#### What is expected
Every line of the entries below from the one containing "building model written" to the one containing "# Site, building, storey", both ends included, must be written out exactly. No other line belongs in the answer.

--

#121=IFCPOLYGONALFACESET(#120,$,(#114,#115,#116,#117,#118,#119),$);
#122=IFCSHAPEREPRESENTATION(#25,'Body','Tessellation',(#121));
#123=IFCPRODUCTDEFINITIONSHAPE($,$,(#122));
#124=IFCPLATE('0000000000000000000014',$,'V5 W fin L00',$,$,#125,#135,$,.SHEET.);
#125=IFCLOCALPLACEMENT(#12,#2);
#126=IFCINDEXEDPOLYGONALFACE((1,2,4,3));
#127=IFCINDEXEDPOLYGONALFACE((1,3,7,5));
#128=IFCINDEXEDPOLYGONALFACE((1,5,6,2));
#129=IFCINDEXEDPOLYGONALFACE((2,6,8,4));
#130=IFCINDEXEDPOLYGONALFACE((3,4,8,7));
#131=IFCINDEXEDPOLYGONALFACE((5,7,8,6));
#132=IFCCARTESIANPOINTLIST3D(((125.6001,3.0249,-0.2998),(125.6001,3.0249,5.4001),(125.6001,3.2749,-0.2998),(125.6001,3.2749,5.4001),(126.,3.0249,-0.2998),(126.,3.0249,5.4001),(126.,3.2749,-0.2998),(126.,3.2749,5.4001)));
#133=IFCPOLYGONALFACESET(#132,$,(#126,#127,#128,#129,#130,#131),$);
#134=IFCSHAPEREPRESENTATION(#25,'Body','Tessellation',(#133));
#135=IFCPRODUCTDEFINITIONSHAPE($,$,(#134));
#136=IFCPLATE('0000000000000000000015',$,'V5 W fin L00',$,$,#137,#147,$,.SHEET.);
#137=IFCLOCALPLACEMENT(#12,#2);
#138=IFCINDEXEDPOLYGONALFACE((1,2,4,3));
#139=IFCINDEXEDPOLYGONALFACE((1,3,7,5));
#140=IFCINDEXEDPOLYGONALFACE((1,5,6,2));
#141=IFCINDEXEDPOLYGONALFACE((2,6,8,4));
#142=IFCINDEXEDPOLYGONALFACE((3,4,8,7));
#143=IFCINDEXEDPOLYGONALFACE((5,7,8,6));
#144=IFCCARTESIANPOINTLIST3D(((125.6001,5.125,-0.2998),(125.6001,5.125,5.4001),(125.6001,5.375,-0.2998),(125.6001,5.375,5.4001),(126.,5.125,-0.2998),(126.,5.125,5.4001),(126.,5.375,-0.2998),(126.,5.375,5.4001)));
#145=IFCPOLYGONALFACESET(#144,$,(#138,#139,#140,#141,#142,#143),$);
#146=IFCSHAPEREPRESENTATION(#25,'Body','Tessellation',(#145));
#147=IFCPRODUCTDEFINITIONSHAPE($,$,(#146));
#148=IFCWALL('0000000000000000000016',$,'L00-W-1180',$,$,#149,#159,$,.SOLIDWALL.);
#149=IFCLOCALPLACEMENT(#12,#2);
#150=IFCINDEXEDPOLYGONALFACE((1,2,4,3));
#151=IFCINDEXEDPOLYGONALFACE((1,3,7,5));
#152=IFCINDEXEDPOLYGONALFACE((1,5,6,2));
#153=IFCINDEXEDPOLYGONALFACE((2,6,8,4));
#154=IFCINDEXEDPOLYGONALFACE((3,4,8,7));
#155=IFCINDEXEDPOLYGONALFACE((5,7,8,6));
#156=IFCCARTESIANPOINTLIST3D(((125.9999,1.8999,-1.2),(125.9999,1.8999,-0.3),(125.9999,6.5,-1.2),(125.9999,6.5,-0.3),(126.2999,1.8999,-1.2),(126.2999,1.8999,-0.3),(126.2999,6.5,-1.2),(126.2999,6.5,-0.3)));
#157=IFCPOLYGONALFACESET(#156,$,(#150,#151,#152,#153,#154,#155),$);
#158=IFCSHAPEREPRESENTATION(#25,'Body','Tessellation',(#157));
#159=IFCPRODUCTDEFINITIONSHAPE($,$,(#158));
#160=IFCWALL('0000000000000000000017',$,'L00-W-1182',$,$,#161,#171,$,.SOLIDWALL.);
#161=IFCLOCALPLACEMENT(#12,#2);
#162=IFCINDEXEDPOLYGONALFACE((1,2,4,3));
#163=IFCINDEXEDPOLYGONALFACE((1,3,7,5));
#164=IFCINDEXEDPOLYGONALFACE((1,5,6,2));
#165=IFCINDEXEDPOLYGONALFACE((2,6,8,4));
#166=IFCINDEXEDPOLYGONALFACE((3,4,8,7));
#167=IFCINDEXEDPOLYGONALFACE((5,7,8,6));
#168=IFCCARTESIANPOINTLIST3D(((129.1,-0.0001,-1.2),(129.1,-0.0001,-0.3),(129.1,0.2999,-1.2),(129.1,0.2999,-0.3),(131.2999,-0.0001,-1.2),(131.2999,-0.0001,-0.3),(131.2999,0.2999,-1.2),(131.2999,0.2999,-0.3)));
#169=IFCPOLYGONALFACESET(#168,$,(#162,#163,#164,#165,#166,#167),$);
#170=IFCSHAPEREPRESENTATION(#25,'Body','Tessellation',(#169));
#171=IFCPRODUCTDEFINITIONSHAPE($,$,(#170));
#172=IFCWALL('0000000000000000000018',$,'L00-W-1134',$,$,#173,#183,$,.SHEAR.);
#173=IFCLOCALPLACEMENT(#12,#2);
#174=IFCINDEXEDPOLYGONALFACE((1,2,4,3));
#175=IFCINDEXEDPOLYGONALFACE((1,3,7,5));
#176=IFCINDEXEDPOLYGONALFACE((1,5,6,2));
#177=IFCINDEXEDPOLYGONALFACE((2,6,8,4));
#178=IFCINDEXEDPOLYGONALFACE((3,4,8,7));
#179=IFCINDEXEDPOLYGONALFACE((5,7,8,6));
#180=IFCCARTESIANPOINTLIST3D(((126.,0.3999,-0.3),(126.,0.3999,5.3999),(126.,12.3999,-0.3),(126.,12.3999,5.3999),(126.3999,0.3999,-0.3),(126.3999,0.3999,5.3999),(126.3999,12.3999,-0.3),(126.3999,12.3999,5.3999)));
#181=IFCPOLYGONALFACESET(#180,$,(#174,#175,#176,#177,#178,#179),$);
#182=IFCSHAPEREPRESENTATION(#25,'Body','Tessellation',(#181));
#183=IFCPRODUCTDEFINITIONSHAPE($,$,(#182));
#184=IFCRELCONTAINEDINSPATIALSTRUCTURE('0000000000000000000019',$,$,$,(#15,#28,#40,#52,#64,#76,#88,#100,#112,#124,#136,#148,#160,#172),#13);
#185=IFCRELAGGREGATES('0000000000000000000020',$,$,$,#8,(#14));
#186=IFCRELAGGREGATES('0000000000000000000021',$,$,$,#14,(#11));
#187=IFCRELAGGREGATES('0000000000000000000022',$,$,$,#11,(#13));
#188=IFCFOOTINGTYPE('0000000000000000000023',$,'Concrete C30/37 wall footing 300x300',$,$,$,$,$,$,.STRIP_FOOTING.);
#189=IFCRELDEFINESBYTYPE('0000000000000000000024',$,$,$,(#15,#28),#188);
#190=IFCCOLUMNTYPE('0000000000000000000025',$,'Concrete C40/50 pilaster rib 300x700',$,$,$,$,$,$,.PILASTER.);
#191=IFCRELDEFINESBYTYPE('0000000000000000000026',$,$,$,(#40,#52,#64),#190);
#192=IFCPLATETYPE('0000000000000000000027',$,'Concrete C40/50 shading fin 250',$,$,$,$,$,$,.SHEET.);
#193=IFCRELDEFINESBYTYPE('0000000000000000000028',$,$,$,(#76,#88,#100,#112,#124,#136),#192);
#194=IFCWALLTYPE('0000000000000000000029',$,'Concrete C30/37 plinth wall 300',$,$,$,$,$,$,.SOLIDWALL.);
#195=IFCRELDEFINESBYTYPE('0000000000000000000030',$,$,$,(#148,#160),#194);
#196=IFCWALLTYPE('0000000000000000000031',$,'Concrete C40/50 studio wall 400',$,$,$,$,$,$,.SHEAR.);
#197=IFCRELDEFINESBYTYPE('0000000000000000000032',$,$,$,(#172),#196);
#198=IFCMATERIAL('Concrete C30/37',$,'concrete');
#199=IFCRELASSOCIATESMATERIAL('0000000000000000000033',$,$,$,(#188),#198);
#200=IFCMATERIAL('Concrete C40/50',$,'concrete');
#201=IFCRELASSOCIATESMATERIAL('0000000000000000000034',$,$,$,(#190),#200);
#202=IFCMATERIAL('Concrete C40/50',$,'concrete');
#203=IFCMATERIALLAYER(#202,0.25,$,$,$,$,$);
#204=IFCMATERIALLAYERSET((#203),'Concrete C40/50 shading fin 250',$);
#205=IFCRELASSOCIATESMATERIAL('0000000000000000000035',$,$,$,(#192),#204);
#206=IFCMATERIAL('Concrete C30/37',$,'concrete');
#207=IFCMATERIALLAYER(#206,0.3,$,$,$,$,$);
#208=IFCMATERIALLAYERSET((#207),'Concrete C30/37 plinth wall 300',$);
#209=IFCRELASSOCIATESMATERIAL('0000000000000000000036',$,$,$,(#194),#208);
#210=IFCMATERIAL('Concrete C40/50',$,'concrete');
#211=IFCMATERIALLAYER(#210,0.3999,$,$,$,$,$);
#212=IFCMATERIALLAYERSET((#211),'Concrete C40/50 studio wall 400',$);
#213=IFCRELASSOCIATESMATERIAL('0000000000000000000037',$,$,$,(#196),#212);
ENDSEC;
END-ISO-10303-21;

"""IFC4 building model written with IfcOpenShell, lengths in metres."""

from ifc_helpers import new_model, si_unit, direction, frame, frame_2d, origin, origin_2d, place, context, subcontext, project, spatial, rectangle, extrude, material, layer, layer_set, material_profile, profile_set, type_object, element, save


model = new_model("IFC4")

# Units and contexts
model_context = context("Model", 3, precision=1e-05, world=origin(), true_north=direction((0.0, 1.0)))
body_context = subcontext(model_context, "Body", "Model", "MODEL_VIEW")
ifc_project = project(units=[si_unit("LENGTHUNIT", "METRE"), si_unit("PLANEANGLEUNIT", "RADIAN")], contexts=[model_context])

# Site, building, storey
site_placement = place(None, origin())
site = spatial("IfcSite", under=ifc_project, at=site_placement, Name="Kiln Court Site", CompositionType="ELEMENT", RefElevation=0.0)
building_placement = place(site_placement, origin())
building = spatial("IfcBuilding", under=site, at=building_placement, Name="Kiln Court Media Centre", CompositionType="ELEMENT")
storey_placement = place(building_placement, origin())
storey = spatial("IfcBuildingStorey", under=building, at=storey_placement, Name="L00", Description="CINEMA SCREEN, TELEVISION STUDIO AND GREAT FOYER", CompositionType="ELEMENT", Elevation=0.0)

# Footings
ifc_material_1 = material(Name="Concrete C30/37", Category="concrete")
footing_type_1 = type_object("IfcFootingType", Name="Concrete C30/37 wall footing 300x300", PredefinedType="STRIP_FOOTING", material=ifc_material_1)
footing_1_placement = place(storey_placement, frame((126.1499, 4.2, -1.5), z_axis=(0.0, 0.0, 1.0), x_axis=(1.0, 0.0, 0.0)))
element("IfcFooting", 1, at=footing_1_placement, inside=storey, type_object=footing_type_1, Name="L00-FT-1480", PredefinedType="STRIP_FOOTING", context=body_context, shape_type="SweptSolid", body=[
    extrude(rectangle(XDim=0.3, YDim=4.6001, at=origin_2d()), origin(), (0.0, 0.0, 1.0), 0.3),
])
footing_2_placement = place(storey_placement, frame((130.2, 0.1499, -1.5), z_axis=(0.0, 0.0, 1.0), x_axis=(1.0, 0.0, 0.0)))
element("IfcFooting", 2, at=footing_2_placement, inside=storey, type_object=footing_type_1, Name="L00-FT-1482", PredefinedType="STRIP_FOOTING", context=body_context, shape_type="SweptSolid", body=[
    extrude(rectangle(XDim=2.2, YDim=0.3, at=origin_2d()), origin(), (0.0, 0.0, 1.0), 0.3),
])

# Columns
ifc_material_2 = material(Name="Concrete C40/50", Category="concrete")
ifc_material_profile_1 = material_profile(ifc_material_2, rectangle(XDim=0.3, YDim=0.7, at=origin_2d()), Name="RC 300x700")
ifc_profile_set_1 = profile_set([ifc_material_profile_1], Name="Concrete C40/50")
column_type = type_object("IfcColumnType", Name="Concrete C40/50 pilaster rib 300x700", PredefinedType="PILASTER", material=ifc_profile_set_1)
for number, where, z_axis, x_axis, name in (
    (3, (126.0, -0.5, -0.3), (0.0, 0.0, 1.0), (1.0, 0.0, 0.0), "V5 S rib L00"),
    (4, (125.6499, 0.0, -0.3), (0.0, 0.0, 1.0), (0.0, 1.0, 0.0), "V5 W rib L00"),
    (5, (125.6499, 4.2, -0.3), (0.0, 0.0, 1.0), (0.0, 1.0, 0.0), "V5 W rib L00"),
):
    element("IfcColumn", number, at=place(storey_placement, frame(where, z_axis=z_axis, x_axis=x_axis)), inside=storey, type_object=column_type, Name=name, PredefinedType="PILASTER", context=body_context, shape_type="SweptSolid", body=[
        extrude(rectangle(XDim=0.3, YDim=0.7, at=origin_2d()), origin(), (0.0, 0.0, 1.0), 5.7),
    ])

--

#### Reply to the exercise
"""IFC4 building model written with IfcOpenShell, lengths in metres."""

from ifc_helpers import new_model, si_unit, direction, frame, frame_2d, origin, origin_2d, place, context, subcontext, project, spatial, rectangle, extrude, material, layer, layer_set, material_profile, profile_set, type_object, element, save


model = new_model("IFC4")

# Units and contexts
model_context = context("Model", 3, precision=1e-05, world=origin(), true_north=direction((0.0, 1.0)))
body_context = subcontext(model_context, "Body", "Model", "MODEL_VIEW")
ifc_project = project(units=[si_unit("LENGTHUNIT", "METRE"), si_unit("PLANEANGLEUNIT", "RADIAN")], contexts=[model_context])

# Site, building, storey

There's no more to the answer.